Collected data:
⁂
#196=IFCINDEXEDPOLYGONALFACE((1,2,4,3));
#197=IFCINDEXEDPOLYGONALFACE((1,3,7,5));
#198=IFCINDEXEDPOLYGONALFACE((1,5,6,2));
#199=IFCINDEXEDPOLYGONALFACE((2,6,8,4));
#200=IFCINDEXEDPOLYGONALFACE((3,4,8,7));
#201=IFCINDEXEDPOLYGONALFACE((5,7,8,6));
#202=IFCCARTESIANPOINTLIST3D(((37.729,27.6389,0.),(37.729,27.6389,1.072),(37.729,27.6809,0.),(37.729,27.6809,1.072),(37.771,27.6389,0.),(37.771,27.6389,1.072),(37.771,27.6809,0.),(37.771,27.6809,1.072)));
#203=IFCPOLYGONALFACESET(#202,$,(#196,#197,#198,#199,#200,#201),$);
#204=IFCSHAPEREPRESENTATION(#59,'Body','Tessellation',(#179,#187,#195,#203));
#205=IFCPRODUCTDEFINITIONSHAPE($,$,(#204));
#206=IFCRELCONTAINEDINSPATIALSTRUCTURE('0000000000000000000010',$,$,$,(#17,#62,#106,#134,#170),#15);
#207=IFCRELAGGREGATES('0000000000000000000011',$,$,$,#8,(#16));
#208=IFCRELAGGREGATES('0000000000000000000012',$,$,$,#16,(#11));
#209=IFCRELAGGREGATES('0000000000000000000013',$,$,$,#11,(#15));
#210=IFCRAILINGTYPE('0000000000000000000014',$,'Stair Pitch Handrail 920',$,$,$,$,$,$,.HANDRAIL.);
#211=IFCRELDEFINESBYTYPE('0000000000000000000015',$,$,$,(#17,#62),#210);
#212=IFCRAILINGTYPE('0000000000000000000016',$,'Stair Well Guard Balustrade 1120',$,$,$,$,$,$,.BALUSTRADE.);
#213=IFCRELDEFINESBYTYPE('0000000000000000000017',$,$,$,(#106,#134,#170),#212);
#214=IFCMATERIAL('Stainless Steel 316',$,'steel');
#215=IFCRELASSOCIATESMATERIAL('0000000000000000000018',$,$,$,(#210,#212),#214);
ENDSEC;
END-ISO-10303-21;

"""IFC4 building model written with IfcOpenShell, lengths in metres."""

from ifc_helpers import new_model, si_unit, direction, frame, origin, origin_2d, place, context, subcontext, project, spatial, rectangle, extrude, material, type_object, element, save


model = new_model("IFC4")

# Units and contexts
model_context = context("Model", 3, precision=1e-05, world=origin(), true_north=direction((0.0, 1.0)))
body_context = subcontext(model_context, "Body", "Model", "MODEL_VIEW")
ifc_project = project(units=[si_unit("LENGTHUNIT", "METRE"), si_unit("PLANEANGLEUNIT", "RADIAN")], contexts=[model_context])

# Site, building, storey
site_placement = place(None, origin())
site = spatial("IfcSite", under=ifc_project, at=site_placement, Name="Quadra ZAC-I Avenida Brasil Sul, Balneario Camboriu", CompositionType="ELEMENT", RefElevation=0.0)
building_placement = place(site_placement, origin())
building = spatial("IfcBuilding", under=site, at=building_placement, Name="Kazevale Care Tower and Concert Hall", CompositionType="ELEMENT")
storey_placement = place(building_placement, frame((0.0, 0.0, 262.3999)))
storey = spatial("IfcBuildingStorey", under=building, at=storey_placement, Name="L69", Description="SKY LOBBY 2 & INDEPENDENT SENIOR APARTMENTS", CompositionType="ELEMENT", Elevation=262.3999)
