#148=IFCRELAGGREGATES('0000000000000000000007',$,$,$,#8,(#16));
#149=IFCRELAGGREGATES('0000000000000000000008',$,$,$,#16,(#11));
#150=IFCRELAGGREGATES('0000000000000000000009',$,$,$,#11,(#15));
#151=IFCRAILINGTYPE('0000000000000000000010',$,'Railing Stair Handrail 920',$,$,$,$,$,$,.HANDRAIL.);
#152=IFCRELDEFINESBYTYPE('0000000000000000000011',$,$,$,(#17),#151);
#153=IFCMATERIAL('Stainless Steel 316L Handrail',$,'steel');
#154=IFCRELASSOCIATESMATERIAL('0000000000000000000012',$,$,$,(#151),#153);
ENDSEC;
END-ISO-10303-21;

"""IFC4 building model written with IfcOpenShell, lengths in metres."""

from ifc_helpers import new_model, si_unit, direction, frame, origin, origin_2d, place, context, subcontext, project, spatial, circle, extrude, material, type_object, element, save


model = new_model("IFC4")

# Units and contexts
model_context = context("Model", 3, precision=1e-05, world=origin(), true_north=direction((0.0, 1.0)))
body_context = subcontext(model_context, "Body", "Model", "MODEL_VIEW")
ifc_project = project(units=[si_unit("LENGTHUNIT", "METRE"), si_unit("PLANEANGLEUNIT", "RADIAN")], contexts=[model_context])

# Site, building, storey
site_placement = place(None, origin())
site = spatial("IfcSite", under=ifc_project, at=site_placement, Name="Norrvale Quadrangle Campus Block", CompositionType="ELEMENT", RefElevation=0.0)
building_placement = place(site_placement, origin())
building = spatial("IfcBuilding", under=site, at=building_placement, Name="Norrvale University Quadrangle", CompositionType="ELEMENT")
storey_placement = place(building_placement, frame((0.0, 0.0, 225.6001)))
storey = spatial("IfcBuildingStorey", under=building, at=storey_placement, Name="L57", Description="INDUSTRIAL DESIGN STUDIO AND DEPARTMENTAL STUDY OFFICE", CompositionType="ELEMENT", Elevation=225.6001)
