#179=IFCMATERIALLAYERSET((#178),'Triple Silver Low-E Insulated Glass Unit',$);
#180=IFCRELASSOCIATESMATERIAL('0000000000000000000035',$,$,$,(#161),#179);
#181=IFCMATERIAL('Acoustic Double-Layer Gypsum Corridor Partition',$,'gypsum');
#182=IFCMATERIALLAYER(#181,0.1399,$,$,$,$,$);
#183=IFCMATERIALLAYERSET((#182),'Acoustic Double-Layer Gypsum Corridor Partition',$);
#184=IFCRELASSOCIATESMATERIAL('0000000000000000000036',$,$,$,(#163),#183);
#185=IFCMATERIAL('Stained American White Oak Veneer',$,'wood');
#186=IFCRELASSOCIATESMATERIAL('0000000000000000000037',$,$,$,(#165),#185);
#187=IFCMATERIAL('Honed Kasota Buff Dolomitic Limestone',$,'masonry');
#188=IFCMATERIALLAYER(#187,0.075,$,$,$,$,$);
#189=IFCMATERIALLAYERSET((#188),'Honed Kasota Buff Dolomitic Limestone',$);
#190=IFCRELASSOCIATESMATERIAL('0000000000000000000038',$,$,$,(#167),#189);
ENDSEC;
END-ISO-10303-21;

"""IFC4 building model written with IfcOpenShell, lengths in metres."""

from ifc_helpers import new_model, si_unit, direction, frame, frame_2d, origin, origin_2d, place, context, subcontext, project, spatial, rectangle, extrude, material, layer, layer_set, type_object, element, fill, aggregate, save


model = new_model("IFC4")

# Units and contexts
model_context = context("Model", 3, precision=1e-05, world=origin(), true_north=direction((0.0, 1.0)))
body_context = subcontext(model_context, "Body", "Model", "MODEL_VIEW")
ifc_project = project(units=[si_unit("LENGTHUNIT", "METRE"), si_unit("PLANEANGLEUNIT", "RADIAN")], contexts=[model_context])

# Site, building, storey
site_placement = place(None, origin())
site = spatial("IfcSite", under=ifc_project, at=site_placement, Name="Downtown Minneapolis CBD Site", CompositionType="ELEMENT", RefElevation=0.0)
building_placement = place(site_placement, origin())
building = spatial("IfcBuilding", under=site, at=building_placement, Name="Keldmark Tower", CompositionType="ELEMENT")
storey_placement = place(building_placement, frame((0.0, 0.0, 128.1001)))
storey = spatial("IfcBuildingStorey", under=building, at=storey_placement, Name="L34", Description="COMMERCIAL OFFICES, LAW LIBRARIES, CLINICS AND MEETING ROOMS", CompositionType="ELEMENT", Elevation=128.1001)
⁂
**WORK REQUEST:** Provide the count of lines above that contain "Handrail", without any other words.

**EXERCISE ANSWER:** 3